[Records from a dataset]
/---
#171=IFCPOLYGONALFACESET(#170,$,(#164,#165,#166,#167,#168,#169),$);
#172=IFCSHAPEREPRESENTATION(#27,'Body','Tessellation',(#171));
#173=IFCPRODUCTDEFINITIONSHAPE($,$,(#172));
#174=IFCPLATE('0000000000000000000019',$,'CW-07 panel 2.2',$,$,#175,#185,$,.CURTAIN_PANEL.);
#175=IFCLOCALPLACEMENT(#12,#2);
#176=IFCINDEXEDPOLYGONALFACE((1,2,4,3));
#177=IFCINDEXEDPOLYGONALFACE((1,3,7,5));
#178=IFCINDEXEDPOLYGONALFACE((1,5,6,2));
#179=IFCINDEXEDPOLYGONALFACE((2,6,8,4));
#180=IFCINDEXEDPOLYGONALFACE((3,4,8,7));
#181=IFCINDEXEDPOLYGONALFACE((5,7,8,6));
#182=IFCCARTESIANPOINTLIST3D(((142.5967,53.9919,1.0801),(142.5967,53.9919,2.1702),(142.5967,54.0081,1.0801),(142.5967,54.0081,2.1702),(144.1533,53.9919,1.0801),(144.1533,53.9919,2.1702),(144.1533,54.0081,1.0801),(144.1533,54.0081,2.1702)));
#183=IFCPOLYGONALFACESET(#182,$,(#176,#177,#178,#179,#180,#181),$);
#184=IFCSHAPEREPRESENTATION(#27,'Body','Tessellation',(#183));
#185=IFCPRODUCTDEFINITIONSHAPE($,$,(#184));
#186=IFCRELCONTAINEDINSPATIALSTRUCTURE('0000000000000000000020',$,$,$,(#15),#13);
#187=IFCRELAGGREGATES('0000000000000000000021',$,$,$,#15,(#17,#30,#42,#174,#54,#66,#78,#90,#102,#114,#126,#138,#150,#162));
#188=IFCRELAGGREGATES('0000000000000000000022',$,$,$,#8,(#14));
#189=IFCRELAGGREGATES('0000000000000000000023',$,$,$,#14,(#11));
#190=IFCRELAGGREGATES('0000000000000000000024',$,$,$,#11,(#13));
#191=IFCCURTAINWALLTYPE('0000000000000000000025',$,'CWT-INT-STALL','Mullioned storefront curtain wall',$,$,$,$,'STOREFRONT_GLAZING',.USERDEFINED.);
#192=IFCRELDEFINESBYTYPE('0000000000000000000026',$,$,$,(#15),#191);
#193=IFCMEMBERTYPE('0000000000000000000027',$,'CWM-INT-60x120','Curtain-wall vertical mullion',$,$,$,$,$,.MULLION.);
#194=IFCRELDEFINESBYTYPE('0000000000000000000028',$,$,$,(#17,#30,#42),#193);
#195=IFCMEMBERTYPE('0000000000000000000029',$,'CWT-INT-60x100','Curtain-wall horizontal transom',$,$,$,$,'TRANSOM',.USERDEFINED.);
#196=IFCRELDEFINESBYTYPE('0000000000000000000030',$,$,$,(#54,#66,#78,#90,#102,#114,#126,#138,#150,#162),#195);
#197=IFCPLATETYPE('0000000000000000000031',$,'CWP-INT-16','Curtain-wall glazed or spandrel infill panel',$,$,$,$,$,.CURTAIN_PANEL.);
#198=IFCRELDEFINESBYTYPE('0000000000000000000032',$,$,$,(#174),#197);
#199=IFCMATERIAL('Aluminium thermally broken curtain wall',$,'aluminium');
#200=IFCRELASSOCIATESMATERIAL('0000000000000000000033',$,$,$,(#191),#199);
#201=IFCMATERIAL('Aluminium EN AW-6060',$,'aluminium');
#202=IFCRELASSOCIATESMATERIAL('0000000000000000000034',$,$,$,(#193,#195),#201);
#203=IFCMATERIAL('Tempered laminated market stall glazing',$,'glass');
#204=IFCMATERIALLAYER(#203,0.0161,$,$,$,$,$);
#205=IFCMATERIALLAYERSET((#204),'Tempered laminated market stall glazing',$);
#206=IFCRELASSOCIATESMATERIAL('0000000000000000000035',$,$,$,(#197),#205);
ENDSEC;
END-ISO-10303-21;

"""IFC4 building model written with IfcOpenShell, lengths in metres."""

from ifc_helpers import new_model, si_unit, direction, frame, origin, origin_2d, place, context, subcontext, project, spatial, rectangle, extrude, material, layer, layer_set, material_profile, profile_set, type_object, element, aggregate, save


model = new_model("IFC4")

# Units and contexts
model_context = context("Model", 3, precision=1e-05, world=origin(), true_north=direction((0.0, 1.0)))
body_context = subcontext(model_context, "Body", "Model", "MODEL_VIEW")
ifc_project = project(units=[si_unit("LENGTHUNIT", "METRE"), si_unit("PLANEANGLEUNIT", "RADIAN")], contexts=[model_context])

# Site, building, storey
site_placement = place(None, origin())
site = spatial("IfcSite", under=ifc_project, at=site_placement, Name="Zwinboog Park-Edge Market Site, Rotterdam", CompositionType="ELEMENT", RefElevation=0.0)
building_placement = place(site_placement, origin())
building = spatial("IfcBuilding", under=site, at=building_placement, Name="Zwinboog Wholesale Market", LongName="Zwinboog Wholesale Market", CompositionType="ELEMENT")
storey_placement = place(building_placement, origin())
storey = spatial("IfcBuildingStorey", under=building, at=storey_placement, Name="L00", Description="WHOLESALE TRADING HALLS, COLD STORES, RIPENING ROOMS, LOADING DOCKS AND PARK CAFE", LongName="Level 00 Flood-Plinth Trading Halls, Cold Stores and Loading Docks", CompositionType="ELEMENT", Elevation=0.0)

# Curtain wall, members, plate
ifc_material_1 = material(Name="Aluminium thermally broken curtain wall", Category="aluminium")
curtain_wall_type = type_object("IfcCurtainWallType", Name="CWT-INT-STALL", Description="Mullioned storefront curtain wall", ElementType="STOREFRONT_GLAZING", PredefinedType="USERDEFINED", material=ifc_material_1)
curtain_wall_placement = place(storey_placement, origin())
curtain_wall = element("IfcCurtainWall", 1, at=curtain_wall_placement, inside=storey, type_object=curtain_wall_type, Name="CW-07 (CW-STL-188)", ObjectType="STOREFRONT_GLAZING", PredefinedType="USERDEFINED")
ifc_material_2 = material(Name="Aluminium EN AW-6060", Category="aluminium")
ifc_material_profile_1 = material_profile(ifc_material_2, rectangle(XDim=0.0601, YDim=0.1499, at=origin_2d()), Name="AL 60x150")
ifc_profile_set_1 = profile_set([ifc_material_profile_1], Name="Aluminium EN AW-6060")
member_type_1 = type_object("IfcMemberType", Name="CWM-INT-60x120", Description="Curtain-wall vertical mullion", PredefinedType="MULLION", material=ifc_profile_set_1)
\---
Show the lines of the data that hold the word "contexts".

#### OUTPUT FOR THIS EXERCISE:
# Units and contexts
ifc_project = project(units=[si_unit("LENGTHUNIT", "METRE"), si_unit("PLANEANGLEUNIT", "RADIAN")], contexts=[model_context])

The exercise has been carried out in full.